*** Opening EXTRACTED ENTRIES ***

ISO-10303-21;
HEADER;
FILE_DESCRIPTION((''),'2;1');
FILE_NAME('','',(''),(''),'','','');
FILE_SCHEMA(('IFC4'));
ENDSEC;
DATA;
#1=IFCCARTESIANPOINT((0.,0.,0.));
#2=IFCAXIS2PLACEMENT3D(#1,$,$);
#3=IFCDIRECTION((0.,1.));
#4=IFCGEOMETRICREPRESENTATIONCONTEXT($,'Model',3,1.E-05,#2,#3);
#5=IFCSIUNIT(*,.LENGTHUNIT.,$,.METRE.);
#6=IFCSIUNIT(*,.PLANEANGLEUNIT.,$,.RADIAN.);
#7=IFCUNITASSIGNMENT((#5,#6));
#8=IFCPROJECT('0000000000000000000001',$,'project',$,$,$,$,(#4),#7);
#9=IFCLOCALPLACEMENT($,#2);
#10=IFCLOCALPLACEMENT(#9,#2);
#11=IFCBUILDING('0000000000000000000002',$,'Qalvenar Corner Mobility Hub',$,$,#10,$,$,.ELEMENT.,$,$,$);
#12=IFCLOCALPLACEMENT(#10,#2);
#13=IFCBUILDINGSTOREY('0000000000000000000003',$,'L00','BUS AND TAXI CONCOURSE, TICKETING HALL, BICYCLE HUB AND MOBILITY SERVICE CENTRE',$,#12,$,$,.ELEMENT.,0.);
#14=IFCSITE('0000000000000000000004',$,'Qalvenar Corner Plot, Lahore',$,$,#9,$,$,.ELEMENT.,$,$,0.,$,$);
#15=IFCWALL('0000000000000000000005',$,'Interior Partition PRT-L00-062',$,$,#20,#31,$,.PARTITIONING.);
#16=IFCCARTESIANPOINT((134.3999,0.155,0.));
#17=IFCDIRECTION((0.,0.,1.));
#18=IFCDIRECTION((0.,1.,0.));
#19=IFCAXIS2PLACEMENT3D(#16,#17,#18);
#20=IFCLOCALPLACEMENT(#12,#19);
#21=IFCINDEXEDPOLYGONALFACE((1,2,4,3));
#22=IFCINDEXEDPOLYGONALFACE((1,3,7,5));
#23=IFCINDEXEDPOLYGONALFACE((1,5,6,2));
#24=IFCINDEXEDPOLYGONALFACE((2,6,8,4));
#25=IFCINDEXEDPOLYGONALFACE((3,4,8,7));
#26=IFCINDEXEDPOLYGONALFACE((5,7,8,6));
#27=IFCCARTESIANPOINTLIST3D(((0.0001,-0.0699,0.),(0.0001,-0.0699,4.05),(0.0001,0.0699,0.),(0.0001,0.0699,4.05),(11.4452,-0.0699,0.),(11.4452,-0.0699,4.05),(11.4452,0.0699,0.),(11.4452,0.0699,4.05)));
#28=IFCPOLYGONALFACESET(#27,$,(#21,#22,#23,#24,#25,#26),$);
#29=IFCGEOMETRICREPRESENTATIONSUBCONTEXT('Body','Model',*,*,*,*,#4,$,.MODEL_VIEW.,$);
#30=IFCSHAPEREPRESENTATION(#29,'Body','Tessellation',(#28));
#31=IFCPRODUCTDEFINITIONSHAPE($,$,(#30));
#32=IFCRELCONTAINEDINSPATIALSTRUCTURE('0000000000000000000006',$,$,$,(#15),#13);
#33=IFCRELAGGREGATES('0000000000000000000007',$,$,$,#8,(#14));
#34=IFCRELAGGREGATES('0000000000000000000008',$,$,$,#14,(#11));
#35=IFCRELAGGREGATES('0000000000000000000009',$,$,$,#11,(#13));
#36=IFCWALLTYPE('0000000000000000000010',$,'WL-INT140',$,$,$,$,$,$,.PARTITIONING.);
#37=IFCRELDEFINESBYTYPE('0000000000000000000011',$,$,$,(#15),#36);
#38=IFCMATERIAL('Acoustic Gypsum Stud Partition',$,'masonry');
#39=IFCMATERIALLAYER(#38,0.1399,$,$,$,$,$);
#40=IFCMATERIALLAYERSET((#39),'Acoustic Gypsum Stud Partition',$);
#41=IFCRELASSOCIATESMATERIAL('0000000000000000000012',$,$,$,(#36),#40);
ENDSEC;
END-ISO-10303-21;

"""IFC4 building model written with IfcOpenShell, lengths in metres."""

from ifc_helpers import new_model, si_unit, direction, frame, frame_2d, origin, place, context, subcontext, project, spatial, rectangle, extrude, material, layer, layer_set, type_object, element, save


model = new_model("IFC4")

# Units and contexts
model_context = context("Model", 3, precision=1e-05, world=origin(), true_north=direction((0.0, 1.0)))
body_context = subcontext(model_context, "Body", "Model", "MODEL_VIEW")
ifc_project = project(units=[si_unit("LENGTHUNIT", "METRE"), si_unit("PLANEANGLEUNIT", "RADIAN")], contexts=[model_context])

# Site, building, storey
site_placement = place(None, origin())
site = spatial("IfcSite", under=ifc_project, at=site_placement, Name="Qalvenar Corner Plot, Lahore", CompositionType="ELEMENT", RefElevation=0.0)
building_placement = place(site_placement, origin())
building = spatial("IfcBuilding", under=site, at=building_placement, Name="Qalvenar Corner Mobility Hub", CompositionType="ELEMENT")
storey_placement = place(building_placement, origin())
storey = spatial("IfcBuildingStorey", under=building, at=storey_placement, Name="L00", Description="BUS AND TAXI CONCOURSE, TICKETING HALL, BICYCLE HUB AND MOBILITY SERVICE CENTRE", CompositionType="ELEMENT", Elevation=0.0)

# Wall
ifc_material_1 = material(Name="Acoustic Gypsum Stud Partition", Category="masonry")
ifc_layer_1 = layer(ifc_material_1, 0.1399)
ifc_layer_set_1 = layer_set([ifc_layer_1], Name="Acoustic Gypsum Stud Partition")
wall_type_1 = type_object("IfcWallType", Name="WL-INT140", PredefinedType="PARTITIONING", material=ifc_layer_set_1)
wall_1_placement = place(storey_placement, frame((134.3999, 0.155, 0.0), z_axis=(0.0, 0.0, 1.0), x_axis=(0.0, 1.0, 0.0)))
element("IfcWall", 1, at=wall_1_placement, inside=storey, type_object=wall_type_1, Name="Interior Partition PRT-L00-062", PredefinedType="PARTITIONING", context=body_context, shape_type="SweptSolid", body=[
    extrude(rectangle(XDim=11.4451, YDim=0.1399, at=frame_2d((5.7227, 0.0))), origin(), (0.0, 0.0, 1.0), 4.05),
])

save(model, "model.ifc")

*** Closing EXTRACTED ENTRIES ***
*** Opening EXTRACTED ENTRIES ***

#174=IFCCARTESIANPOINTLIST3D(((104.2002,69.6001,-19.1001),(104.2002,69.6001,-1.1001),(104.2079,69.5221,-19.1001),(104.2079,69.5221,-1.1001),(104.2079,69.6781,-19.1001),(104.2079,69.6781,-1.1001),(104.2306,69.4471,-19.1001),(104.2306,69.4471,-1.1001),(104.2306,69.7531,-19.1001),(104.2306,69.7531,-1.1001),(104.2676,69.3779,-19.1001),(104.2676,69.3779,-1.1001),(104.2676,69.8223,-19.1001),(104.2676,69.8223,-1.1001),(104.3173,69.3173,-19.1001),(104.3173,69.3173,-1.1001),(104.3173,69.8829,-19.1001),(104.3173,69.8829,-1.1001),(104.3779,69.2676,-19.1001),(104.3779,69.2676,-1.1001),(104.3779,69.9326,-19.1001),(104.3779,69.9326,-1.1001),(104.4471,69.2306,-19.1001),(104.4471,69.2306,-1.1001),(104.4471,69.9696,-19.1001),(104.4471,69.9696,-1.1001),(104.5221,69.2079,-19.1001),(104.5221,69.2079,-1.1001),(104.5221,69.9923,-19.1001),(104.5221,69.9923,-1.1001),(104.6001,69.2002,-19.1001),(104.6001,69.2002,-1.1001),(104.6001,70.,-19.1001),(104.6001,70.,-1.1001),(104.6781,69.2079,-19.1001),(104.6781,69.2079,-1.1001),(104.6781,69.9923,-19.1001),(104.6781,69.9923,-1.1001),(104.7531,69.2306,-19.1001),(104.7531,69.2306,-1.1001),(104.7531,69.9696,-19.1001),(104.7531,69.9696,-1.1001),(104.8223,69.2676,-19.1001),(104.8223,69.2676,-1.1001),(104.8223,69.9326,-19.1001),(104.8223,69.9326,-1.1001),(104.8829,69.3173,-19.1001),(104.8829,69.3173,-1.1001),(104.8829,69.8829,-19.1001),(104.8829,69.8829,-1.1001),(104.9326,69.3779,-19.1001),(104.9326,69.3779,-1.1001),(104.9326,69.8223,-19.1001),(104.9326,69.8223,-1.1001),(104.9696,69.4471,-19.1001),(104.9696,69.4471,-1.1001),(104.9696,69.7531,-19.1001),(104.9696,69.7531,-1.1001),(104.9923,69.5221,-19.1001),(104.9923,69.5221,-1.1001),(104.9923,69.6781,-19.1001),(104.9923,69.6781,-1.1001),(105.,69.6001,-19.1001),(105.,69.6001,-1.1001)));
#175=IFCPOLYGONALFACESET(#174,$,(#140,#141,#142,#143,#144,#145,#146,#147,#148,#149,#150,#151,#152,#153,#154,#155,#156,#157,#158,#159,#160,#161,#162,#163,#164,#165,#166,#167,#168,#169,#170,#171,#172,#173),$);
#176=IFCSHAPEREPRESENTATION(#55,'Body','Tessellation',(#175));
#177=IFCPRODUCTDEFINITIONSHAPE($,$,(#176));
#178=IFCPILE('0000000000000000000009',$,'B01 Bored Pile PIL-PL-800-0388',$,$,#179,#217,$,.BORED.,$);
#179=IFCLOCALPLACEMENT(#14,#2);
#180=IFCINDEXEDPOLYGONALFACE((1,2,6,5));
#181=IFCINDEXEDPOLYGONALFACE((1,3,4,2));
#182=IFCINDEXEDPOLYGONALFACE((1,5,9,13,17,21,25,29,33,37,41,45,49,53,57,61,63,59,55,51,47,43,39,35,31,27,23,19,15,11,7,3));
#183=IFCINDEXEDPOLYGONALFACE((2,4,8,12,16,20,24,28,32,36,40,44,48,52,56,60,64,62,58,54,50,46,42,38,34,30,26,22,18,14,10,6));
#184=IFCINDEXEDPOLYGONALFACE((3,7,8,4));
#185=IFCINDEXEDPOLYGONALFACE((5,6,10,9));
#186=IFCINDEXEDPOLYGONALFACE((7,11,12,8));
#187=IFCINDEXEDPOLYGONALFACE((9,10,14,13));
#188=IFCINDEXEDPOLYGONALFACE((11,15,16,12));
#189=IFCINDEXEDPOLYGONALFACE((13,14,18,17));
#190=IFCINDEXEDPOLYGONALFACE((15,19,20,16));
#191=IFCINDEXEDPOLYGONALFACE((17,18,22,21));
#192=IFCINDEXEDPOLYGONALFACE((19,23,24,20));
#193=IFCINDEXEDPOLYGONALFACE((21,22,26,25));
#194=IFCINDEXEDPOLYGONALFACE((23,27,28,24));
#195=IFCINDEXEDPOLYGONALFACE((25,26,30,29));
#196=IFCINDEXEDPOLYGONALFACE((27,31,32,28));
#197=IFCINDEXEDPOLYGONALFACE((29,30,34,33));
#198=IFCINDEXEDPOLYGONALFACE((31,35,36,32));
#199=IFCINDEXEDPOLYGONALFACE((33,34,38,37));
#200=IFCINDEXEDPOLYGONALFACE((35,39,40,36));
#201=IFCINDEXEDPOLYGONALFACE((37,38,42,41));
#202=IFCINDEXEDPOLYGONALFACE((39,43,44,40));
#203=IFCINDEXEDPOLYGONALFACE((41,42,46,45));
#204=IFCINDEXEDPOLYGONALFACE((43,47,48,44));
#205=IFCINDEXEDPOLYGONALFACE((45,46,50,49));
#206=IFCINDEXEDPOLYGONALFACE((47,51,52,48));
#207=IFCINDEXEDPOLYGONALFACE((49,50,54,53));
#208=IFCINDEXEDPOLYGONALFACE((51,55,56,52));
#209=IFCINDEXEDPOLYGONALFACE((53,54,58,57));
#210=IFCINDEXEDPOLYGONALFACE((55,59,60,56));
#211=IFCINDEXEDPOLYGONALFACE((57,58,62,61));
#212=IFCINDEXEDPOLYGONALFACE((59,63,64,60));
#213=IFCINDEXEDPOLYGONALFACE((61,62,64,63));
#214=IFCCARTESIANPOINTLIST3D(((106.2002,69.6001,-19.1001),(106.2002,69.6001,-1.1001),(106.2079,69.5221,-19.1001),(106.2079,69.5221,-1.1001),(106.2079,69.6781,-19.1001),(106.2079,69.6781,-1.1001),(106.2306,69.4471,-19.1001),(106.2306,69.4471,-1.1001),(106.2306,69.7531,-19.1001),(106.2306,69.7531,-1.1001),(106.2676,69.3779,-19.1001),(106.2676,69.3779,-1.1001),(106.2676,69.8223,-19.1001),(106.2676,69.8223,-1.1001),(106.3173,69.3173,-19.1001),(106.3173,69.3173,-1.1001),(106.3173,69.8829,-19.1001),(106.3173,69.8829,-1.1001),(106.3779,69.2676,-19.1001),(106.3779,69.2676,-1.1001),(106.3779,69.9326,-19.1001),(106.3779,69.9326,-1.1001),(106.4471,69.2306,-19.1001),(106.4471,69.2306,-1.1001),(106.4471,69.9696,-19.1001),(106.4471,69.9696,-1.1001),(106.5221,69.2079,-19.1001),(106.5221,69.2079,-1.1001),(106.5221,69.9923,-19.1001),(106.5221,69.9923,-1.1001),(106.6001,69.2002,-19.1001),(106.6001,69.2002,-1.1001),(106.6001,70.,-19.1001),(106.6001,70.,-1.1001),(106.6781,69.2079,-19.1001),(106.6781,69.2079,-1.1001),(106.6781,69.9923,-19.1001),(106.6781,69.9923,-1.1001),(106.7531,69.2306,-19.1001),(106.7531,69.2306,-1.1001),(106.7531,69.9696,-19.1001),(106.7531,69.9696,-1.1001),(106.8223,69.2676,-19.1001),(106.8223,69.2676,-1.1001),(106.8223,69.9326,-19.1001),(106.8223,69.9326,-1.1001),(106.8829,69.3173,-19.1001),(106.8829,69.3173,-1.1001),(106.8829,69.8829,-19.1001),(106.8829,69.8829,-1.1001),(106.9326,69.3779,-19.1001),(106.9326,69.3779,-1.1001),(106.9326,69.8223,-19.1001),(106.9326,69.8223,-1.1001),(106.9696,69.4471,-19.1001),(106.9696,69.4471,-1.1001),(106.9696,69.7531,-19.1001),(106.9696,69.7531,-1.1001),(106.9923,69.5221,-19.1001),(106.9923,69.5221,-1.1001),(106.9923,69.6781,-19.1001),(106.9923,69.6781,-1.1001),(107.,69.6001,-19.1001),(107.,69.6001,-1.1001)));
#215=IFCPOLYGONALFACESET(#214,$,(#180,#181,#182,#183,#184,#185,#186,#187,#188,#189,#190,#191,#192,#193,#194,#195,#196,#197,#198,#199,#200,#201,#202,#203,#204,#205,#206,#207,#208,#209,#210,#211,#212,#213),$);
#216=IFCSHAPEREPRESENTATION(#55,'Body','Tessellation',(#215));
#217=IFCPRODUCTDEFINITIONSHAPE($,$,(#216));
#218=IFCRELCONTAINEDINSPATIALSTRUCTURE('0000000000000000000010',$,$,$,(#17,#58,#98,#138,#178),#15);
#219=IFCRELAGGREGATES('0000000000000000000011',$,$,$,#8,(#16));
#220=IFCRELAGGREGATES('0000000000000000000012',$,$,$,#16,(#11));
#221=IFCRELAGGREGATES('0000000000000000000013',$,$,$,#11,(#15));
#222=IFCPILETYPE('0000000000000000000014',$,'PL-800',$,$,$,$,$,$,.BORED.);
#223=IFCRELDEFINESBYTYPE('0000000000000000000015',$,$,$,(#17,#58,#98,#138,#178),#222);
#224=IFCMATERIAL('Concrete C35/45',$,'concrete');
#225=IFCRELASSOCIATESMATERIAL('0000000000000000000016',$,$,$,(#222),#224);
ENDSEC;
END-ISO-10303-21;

*** Closing EXTRACTED ENTRIES ***
*** Opening EXTRACTED ENTRIES ***

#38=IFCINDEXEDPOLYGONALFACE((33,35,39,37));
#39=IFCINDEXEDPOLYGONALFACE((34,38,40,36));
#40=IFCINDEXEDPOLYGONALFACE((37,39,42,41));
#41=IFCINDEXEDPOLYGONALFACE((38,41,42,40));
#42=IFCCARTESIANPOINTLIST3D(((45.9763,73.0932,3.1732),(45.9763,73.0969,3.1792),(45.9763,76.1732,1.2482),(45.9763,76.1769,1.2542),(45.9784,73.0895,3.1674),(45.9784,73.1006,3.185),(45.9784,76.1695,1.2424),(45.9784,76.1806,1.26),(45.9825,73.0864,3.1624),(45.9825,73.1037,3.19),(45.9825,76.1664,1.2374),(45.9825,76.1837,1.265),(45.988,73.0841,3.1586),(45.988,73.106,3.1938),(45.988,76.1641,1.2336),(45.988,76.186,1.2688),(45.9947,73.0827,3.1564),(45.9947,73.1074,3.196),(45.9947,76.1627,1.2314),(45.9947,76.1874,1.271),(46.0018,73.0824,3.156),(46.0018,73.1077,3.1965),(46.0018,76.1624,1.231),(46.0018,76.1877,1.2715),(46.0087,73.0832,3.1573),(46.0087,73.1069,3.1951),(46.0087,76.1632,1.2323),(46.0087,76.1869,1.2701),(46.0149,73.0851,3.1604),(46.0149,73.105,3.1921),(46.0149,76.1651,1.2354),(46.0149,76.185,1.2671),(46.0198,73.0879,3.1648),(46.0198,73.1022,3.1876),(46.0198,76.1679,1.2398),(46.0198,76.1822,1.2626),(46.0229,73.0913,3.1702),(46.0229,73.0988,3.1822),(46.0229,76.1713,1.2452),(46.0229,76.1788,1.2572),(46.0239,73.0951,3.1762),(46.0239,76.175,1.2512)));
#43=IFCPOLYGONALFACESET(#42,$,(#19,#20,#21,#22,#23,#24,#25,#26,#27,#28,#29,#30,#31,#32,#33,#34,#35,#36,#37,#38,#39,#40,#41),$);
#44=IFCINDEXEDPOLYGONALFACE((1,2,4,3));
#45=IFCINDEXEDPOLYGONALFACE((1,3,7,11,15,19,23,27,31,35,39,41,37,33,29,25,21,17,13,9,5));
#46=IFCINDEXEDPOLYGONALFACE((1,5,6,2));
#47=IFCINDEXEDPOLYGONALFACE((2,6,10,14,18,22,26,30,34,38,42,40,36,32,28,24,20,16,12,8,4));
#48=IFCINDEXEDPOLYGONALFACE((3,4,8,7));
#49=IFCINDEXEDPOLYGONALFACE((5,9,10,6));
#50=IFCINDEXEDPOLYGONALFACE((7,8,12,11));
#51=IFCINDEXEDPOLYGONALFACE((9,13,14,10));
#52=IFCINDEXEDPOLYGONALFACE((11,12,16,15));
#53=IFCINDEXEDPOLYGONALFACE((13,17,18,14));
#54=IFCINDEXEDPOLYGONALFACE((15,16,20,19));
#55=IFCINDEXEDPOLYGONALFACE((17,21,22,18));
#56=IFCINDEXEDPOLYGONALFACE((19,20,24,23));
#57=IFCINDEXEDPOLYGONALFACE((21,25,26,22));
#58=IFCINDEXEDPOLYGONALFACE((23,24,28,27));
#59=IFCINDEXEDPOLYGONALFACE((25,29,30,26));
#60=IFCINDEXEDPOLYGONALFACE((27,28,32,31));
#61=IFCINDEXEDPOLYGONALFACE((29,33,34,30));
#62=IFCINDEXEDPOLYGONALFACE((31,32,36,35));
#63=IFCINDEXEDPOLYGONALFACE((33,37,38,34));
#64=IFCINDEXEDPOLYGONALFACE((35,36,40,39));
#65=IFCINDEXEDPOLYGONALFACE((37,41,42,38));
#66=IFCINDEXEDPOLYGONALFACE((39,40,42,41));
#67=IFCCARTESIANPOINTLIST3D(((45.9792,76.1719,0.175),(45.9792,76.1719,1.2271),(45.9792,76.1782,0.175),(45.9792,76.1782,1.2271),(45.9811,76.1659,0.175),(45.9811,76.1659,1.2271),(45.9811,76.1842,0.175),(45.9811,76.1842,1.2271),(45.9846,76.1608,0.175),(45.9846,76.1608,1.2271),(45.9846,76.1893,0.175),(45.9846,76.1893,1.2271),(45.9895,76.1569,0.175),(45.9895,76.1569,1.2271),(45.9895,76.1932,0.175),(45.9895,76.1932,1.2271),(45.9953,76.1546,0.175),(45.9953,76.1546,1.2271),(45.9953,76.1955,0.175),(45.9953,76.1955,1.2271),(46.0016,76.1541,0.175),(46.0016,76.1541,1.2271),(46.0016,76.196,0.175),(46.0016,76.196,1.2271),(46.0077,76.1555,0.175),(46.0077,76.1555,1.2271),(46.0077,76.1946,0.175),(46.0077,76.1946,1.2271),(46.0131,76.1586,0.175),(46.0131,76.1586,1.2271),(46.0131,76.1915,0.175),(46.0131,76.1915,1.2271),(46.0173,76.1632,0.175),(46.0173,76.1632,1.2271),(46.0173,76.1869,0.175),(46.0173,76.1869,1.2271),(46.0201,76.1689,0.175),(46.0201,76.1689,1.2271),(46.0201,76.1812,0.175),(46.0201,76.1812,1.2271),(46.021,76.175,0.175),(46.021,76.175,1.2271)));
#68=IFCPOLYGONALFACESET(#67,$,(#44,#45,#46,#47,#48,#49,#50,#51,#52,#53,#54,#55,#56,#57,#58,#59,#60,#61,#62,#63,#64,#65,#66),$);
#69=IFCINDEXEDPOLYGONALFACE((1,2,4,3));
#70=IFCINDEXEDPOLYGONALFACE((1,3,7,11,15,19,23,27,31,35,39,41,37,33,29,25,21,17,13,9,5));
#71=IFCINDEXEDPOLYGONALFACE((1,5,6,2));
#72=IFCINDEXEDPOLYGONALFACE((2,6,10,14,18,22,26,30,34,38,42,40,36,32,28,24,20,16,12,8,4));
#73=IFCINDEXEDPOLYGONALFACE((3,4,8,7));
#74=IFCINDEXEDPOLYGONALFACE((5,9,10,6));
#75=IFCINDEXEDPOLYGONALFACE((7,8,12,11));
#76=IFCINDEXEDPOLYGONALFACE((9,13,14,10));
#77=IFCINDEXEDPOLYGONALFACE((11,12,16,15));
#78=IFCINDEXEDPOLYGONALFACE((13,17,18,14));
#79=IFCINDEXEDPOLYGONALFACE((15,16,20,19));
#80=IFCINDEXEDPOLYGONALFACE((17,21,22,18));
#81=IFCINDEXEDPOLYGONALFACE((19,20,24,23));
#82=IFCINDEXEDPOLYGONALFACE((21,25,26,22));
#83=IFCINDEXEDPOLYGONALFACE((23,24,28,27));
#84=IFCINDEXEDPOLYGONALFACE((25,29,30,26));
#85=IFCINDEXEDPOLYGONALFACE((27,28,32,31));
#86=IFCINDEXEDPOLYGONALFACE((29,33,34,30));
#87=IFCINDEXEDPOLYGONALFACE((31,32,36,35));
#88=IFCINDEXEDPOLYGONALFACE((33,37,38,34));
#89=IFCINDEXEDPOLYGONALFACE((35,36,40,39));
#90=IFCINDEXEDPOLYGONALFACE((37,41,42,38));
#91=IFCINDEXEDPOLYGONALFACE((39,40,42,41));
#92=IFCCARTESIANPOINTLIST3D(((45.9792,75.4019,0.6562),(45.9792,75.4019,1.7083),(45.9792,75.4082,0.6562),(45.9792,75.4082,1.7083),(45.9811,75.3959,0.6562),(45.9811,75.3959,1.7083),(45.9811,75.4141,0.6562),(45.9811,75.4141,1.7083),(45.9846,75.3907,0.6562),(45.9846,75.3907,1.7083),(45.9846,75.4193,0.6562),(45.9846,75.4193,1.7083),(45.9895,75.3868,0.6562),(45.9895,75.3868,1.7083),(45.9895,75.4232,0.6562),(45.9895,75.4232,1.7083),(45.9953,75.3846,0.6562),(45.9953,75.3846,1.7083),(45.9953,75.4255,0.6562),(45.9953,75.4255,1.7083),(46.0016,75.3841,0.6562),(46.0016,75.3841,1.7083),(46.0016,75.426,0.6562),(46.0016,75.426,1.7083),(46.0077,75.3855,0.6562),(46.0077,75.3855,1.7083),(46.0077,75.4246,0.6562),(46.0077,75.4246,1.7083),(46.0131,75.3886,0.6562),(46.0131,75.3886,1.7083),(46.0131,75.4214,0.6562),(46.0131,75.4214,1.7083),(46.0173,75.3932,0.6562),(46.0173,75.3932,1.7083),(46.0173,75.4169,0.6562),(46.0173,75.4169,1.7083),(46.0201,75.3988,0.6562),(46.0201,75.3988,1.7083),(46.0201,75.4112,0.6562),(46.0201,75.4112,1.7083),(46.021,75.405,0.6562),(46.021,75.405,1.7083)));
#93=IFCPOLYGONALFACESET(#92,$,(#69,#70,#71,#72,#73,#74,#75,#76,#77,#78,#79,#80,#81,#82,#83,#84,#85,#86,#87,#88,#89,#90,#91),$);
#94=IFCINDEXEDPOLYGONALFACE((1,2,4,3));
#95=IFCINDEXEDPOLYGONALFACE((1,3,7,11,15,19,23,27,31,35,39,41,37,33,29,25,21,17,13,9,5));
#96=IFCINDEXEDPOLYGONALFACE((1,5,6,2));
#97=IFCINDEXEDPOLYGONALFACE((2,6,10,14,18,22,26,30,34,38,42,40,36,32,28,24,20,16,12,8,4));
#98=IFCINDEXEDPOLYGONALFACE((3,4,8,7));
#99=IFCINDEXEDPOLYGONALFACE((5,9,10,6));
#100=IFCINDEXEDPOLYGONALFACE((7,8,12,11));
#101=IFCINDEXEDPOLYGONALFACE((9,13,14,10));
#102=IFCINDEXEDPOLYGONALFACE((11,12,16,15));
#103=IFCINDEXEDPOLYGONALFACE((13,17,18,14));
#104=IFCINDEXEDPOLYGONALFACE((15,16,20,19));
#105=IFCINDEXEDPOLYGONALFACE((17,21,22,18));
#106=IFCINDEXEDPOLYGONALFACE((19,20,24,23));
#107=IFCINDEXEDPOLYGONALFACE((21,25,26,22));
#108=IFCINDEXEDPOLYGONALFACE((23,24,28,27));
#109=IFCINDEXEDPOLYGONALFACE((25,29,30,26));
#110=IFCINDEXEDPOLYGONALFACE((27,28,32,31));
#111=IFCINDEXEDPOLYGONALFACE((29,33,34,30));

*** Closing EXTRACTED ENTRIES ***

WHAT YOU WILL DO → Above are the entries. Quote exactly the lines from the one bearing "#73=IFCINDEXEDPOLYGONALFACE((3,4,8,7));" through the one bearing "#96=IFCINDEXEDPOLYGONALFACE((1,5,6,2));".

ANSWER SPACE →
#73=IFCINDEXEDPOLYGONALFACE((3,4,8,7));
#74=IFCINDEXEDPOLYGONALFACE((5,9,10,6));
#75=IFCINDEXEDPOLYGONALFACE((7,8,12,11));
#76=IFCINDEXEDPOLYGONALFACE((9,13,14,10));
#77=IFCINDEXEDPOLYGONALFACE((11,12,16,15));
#78=IFCINDEXEDPOLYGONALFACE((13,17,18,14));
#79=IFCINDEXEDPOLYGONALFACE((15,16,20,19));
#80=IFCINDEXEDPOLYGONALFACE((17,21,22,18));
#81=IFCINDEXEDPOLYGONALFACE((19,20,24,23));
#82=IFCINDEXEDPOLYGONALFACE((21,25,26,22));
#83=IFCINDEXEDPOLYGONALFACE((23,24,28,27));
#84=IFCINDEXEDPOLYGONALFACE((25,29,30,26));
#85=IFCINDEXEDPOLYGONALFACE((27,28,32,31));
#86=IFCINDEXEDPOLYGONALFACE((29,33,34,30));
#87=IFCINDEXEDPOLYGONALFACE((31,32,36,35));
#88=IFCINDEXEDPOLYGONALFACE((33,37,38,34));
#89=IFCINDEXEDPOLYGONALFACE((35,36,40,39));
#90=IFCINDEXEDPOLYGONALFACE((37,41,42,38));
#91=IFCINDEXEDPOLYGONALFACE((39,40,42,41));
#92=IFCCARTESIANPOINTLIST3D(((45.9792,75.4019,0.6562),(45.9792,75.4019,1.7083),(45.9792,75.4082,0.6562),(45.9792,75.4082,1.7083),(45.9811,75.3959,0.6562),(45.9811,75.3959,1.7083),(45.9811,75.4141,0.6562),(45.9811,75.4141,1.7083),(45.9846,75.3907,0.6562),(45.9846,75.3907,1.7083),(45.9846,75.4193,0.6562),(45.9846,75.4193,1.7083),(45.9895,75.3868,0.6562),(45.9895,75.3868,1.7083),(45.9895,75.4232,0.6562),(45.9895,75.4232,1.7083),(45.9953,75.3846,0.6562),(45.9953,75.3846,1.7083),(45.9953,75.4255,0.6562),(45.9953,75.4255,1.7083),(46.0016,75.3841,0.6562),(46.0016,75.3841,1.7083),(46.0016,75.426,0.6562),(46.0016,75.426,1.7083),(46.0077,75.3855,0.6562),(46.0077,75.3855,1.7083),(46.0077,75.4246,0.6562),(46.0077,75.4246,1.7083),(46.0131,75.3886,0.6562),(46.0131,75.3886,1.7083),(46.0131,75.4214,0.6562),(46.0131,75.4214,1.7083),(46.0173,75.3932,0.6562),(46.0173,75.3932,1.7083),(46.0173,75.4169,0.6562),(46.0173,75.4169,1.7083),(46.0201,75.3988,0.6562),(46.0201,75.3988,1.7083),(46.0201,75.4112,0.6562),(46.0201,75.4112,1.7083),(46.021,75.405,0.6562),(46.021,75.405,1.7083)));
#93=IFCPOLYGONALFACESET(#92,$,(#69,#70,#71,#72,#73,#74,#75,#76,#77,#78,#79,#80,#81,#82,#83,#84,#85,#86,#87,#88,#89,#90,#91),$);
#94=IFCINDEXEDPOLYGONALFACE((1,2,4,3));
#95=IFCINDEXEDPOLYGONALFACE((1,3,7,11,15,19,23,27,31,35,39,41,37,33,29,25,21,17,13,9,5));
#96=IFCINDEXEDPOLYGONALFACE((1,5,6,2));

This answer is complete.